*Task to complete*.
Copy verbatim the block of lines in the entries below whose first line contains "#104=IFCINDEXEDPOLYGONALFACE((9,17,18,10));" and whose last line contains "END-ISO-10303-21;". Leave out all other lines.

*Extracted records*.
-----

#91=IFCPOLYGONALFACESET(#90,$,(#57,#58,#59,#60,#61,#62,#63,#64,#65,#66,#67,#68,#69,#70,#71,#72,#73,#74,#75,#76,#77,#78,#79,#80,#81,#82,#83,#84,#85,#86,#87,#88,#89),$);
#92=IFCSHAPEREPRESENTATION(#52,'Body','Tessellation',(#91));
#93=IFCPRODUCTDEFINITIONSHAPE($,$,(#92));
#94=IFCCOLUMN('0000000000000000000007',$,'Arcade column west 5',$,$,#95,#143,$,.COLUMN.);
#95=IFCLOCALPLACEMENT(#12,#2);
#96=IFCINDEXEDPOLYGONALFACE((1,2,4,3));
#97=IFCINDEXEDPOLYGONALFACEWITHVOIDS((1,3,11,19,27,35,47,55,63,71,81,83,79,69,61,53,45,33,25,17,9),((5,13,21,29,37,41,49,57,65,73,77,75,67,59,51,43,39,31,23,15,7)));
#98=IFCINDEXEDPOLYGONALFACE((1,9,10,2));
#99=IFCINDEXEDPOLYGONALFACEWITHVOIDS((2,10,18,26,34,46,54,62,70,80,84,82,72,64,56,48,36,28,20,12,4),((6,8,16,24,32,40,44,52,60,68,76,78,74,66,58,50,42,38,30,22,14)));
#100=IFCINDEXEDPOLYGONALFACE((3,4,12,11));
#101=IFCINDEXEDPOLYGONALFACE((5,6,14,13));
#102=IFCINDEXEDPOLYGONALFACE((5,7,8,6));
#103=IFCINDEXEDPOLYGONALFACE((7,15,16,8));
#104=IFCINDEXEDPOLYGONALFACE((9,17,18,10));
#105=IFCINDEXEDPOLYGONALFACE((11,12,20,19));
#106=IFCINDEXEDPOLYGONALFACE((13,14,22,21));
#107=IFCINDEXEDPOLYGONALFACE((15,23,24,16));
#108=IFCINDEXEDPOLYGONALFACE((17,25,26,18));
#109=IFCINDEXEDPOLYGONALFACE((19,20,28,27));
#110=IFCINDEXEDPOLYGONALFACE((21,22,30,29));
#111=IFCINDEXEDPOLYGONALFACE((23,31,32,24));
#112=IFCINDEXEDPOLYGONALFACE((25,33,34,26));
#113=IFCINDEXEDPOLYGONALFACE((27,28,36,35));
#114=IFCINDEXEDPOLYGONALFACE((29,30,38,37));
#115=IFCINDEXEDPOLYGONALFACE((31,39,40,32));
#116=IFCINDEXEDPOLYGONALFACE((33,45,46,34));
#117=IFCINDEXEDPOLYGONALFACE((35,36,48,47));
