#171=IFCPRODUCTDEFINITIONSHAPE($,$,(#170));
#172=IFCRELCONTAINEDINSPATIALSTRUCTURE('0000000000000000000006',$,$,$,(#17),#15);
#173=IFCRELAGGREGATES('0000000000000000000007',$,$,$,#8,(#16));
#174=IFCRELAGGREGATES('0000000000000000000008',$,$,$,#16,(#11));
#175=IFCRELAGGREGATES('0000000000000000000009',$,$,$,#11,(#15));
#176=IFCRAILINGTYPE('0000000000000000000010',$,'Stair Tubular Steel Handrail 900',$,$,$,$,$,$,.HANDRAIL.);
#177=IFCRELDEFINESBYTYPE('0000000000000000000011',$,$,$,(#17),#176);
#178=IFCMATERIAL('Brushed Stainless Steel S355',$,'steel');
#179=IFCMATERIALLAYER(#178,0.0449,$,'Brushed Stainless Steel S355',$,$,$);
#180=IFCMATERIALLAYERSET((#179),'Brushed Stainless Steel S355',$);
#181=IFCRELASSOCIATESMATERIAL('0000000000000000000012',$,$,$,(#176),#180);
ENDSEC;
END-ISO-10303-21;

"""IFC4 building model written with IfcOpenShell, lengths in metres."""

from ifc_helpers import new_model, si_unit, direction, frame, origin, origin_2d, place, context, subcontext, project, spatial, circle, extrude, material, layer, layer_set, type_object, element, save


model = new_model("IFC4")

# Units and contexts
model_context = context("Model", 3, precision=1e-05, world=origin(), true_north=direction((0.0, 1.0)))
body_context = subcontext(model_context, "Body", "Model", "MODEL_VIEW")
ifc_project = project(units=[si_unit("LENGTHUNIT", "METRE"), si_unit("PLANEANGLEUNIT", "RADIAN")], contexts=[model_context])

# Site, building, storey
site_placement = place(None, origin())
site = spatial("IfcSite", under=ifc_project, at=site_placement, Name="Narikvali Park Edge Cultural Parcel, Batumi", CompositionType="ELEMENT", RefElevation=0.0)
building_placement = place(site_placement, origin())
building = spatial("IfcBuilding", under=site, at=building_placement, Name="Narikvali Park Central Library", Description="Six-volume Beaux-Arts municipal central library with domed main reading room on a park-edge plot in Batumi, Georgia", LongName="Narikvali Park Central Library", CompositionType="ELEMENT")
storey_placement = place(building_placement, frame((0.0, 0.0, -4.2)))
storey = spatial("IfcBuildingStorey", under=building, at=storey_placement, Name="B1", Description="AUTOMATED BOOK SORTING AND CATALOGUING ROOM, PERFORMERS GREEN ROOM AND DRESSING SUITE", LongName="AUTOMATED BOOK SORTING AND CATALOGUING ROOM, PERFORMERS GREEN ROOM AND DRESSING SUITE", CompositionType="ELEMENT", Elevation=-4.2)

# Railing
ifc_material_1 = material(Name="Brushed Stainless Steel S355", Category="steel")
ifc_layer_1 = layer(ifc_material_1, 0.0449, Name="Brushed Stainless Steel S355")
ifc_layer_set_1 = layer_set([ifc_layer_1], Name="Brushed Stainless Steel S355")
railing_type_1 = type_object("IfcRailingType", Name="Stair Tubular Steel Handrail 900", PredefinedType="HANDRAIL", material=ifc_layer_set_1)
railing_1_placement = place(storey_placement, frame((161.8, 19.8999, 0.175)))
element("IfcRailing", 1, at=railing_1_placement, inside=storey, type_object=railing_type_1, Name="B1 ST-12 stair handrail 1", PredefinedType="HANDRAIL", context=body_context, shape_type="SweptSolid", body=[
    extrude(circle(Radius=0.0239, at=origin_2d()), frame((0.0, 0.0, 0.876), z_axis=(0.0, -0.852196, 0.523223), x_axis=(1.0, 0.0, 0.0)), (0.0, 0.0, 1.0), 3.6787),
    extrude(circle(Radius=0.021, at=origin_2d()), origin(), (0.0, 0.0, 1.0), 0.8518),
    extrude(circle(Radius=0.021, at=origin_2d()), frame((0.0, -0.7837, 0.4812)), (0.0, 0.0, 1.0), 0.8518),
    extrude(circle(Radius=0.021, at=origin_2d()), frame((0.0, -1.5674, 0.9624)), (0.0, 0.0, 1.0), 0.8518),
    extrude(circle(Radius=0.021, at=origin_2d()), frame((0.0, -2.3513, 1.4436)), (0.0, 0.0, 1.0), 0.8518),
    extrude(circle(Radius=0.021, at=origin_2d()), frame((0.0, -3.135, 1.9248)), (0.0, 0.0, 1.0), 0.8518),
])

-----

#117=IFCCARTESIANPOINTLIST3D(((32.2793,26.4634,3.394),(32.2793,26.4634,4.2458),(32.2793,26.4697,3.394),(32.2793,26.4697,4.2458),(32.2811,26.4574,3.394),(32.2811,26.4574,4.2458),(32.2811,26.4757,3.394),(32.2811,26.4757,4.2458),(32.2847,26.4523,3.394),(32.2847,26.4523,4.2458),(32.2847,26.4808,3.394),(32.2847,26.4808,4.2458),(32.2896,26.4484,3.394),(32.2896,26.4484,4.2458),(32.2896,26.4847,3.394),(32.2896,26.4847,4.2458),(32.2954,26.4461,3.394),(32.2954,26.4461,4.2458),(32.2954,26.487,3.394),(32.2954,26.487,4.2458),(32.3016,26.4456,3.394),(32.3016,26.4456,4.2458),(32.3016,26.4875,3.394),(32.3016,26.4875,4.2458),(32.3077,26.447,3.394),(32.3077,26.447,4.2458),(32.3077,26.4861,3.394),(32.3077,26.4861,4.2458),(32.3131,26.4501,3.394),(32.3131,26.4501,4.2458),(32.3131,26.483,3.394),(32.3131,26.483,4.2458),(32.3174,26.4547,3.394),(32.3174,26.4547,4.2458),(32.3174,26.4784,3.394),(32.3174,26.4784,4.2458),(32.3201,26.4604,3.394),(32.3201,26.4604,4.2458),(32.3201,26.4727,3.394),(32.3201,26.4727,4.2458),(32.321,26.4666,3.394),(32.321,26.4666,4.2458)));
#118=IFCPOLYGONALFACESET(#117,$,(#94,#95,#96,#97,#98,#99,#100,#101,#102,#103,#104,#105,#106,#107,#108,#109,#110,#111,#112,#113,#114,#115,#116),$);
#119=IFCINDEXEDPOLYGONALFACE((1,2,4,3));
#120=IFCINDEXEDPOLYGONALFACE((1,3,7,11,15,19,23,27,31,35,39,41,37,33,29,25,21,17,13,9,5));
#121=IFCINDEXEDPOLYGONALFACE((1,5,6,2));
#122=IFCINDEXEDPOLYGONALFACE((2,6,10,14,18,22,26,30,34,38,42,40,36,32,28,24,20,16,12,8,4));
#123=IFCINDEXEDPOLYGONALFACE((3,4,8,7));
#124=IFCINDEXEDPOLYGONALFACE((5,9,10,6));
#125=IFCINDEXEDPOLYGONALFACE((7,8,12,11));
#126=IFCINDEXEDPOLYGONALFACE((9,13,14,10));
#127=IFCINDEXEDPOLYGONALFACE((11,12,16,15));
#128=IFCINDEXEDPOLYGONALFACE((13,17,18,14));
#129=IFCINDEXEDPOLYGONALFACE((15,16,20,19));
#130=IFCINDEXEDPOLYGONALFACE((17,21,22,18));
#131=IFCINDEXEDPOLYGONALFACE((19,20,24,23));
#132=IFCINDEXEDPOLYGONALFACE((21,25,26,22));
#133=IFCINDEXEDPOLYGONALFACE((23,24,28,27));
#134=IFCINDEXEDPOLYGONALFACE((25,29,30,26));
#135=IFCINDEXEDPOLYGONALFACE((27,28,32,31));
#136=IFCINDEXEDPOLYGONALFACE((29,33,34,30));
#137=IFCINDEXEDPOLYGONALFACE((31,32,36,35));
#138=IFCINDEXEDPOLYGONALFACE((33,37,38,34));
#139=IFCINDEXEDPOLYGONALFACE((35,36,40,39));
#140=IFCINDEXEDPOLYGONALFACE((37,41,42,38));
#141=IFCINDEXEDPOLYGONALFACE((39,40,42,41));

-----

*The answer*.
#104=IFCINDEXEDPOLYGONALFACE((9,17,18,10));
#105=IFCINDEXEDPOLYGONALFACE((11,12,20,19));
#106=IFCINDEXEDPOLYGONALFACE((13,14,22,21));
#107=IFCINDEXEDPOLYGONALFACE((15,23,24,16));
#108=IFCINDEXEDPOLYGONALFACE((17,25,26,18));
#109=IFCINDEXEDPOLYGONALFACE((19,20,28,27));
#110=IFCINDEXEDPOLYGONALFACE((21,22,30,29));
#111=IFCINDEXEDPOLYGONALFACE((23,31,32,24));
#112=IFCINDEXEDPOLYGONALFACE((25,33,34,26));
#113=IFCINDEXEDPOLYGONALFACE((27,28,36,35));
#114=IFCINDEXEDPOLYGONALFACE((29,30,38,37));
#115=IFCINDEXEDPOLYGONALFACE((31,39,40,32));
#116=IFCINDEXEDPOLYGONALFACE((33,45,46,34));
#117=IFCINDEXEDPOLYGONALFACE((35,36,48,47));
#171=IFCPRODUCTDEFINITIONSHAPE($,$,(#170));
#172=IFCRELCONTAINEDINSPATIALSTRUCTURE('0000000000000000000006',$,$,$,(#17),#15);
#173=IFCRELAGGREGATES('0000000000000000000007',$,$,$,#8,(#16));
#174=IFCRELAGGREGATES('0000000000000000000008',$,$,$,#16,(#11));
#175=IFCRELAGGREGATES('0000000000000000000009',$,$,$,#11,(#15));
#176=IFCRAILINGTYPE('0000000000000000000010',$,'Stair Tubular Steel Handrail 900',$,$,$,$,$,$,.HANDRAIL.);
#177=IFCRELDEFINESBYTYPE('0000000000000000000011',$,$,$,(#17),#176);
#178=IFCMATERIAL('Brushed Stainless Steel S355',$,'steel');
#179=IFCMATERIALLAYER(#178,0.0449,$,'Brushed Stainless Steel S355',$,$,$);
#180=IFCMATERIALLAYERSET((#179),'Brushed Stainless Steel S355',$);
#181=IFCRELASSOCIATESMATERIAL('0000000000000000000012',$,$,$,(#176),#180);
ENDSEC;
END-ISO-10303-21;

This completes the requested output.